Directions: Check each line of the data, and copy those where "IFCLOCALPLACEMENT" appears.

----- The input -----

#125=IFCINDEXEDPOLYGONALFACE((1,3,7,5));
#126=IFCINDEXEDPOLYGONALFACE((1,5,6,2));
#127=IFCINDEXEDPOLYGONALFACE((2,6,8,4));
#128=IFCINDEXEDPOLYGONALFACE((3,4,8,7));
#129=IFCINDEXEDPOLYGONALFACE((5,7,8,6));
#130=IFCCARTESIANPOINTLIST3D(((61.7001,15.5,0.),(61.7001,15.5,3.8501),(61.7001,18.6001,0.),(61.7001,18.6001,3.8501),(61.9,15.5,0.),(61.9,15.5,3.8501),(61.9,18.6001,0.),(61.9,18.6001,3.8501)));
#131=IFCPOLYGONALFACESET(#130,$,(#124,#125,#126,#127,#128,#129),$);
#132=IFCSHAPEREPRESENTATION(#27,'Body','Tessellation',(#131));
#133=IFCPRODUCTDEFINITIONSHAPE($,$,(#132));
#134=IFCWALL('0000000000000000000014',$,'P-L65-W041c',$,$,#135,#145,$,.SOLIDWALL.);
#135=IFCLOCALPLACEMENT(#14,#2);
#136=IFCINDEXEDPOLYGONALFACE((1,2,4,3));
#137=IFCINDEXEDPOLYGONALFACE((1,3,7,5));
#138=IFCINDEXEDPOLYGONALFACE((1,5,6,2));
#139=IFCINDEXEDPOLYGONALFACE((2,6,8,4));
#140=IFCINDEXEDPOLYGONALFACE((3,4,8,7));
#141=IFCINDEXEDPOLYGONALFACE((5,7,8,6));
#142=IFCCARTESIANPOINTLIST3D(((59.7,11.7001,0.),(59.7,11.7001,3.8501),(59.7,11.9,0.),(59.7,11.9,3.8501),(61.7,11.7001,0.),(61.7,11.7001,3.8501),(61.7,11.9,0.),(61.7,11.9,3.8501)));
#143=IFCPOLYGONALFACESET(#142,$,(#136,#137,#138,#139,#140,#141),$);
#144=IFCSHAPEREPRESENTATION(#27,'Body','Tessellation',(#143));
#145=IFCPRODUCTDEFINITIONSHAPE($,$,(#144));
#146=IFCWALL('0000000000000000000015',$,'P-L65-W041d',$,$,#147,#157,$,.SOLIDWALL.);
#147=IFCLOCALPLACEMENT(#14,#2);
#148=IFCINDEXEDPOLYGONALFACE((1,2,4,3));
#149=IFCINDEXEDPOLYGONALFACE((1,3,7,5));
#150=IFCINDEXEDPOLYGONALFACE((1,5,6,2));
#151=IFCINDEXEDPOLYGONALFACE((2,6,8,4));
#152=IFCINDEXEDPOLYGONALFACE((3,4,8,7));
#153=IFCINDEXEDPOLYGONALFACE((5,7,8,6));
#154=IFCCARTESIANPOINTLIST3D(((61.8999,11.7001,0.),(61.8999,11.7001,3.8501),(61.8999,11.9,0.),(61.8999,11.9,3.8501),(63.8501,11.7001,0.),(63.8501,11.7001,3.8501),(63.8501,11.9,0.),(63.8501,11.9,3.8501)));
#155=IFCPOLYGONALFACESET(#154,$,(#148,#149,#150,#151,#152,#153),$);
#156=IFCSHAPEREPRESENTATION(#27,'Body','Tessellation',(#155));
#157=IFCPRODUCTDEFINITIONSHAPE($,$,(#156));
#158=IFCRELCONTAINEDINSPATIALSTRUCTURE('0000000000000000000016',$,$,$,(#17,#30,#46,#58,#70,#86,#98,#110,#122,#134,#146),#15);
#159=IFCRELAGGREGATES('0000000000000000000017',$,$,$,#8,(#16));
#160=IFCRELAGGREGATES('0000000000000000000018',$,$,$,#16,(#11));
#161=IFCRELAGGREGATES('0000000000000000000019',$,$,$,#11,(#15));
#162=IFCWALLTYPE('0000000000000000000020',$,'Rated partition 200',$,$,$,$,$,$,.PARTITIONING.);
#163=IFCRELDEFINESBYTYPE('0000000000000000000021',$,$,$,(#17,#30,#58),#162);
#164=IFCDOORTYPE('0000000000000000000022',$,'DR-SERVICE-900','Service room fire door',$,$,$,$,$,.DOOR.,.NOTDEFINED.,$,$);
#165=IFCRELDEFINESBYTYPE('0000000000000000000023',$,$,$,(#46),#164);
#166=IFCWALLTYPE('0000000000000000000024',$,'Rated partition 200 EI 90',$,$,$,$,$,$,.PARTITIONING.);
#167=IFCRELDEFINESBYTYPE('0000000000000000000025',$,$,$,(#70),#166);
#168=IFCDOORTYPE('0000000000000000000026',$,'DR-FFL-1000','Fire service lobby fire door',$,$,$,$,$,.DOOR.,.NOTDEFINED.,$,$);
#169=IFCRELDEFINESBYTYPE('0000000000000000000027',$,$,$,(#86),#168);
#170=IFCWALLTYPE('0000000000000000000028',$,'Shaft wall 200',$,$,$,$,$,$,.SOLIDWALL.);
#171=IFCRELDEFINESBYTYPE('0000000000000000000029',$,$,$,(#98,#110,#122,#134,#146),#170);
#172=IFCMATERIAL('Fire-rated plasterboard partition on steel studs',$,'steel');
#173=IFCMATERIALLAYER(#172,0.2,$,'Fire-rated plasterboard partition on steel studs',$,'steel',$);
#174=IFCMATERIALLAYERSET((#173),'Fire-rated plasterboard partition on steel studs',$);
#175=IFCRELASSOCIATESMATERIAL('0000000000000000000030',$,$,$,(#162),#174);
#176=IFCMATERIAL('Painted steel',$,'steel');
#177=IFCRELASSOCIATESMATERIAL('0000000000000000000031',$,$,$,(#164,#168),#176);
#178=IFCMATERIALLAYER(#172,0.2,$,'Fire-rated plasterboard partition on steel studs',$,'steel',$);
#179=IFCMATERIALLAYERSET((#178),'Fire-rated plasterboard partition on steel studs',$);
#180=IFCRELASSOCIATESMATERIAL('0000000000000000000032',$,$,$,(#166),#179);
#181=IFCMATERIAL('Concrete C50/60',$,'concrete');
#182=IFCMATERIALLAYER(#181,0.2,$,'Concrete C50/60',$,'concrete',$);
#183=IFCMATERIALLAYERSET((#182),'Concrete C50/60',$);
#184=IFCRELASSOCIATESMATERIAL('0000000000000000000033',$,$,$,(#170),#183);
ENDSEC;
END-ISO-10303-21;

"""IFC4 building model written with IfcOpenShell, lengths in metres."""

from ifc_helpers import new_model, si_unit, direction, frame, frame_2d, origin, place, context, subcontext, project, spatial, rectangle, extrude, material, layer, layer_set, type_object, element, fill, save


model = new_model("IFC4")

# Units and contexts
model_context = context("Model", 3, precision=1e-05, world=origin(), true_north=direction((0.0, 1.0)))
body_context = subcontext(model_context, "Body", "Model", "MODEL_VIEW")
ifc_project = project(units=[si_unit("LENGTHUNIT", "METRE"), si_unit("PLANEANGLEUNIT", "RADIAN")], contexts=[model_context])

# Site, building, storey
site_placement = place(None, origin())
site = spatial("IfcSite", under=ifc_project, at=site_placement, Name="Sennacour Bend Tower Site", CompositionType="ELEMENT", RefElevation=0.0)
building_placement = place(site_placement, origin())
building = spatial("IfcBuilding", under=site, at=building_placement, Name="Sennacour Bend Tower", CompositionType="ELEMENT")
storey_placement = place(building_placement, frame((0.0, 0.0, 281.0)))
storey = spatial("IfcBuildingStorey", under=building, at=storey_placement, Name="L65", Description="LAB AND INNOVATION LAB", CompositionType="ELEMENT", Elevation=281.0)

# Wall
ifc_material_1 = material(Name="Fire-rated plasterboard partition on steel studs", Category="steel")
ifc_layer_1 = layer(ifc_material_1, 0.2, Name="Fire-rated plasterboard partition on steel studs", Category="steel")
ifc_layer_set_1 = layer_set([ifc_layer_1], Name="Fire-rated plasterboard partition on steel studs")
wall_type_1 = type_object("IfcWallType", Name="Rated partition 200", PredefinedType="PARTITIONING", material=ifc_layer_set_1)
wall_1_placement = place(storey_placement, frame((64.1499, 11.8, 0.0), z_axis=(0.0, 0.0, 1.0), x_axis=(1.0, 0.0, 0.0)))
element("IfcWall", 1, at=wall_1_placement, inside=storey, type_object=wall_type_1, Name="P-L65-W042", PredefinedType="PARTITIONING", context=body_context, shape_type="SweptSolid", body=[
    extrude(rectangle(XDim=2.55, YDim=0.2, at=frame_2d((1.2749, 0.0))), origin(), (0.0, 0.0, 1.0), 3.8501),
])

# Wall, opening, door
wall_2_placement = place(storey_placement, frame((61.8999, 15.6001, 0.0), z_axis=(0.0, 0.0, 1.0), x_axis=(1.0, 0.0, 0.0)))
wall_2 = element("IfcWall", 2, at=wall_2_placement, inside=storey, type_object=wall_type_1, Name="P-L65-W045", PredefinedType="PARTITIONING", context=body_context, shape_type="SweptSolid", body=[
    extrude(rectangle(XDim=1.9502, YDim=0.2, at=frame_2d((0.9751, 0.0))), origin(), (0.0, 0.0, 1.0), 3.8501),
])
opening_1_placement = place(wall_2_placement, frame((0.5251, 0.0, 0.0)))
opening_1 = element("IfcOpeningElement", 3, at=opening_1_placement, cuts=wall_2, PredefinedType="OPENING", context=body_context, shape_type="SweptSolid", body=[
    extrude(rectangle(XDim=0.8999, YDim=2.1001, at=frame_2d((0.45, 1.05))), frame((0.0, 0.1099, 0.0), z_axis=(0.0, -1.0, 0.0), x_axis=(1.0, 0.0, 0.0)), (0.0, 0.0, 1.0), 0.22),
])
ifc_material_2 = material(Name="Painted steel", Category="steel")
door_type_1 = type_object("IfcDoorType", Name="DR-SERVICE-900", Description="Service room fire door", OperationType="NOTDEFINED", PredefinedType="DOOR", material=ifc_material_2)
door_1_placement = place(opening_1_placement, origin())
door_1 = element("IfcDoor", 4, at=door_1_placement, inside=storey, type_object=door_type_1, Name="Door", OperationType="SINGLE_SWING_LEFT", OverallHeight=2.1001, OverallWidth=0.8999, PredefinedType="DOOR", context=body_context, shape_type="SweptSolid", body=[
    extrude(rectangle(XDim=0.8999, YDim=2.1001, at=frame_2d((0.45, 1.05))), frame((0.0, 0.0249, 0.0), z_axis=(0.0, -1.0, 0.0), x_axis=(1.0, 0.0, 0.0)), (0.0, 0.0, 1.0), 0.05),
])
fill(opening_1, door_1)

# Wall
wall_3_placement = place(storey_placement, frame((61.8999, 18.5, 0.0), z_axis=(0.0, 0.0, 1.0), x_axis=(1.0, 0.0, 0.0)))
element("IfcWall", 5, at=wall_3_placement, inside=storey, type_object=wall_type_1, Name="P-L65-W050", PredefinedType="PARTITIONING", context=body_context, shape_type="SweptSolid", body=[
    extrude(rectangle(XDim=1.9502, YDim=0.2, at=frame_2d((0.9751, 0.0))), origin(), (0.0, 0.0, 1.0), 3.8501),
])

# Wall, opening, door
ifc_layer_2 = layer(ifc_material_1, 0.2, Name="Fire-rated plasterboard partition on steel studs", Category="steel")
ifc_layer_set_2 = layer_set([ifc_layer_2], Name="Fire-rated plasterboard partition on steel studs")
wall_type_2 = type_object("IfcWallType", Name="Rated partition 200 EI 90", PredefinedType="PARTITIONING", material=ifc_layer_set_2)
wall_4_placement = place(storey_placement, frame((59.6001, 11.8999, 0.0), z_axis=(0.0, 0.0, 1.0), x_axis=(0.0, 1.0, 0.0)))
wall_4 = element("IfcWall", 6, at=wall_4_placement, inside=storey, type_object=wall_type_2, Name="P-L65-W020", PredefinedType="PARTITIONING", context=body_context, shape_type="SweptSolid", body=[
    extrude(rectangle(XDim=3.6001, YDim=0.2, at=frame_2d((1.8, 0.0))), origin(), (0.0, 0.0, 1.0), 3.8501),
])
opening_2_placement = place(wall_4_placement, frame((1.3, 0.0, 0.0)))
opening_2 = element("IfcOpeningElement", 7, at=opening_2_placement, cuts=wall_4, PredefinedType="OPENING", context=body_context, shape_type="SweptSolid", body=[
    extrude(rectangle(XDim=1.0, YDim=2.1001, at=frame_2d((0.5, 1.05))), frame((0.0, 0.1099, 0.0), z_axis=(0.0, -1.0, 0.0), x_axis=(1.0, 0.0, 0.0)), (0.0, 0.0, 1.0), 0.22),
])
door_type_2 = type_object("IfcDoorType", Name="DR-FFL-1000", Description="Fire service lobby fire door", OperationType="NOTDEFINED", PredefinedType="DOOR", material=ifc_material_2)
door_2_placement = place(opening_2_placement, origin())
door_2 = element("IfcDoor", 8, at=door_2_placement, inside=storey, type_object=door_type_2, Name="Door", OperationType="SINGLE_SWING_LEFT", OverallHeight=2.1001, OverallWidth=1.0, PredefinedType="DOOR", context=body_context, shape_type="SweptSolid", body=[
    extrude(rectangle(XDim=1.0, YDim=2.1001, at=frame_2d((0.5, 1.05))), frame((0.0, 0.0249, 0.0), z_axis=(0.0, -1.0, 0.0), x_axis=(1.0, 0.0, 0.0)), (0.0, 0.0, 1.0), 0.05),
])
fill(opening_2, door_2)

-----

Finished task:
#135=IFCLOCALPLACEMENT(#14,#2);
#147=IFCLOCALPLACEMENT(#14,#2);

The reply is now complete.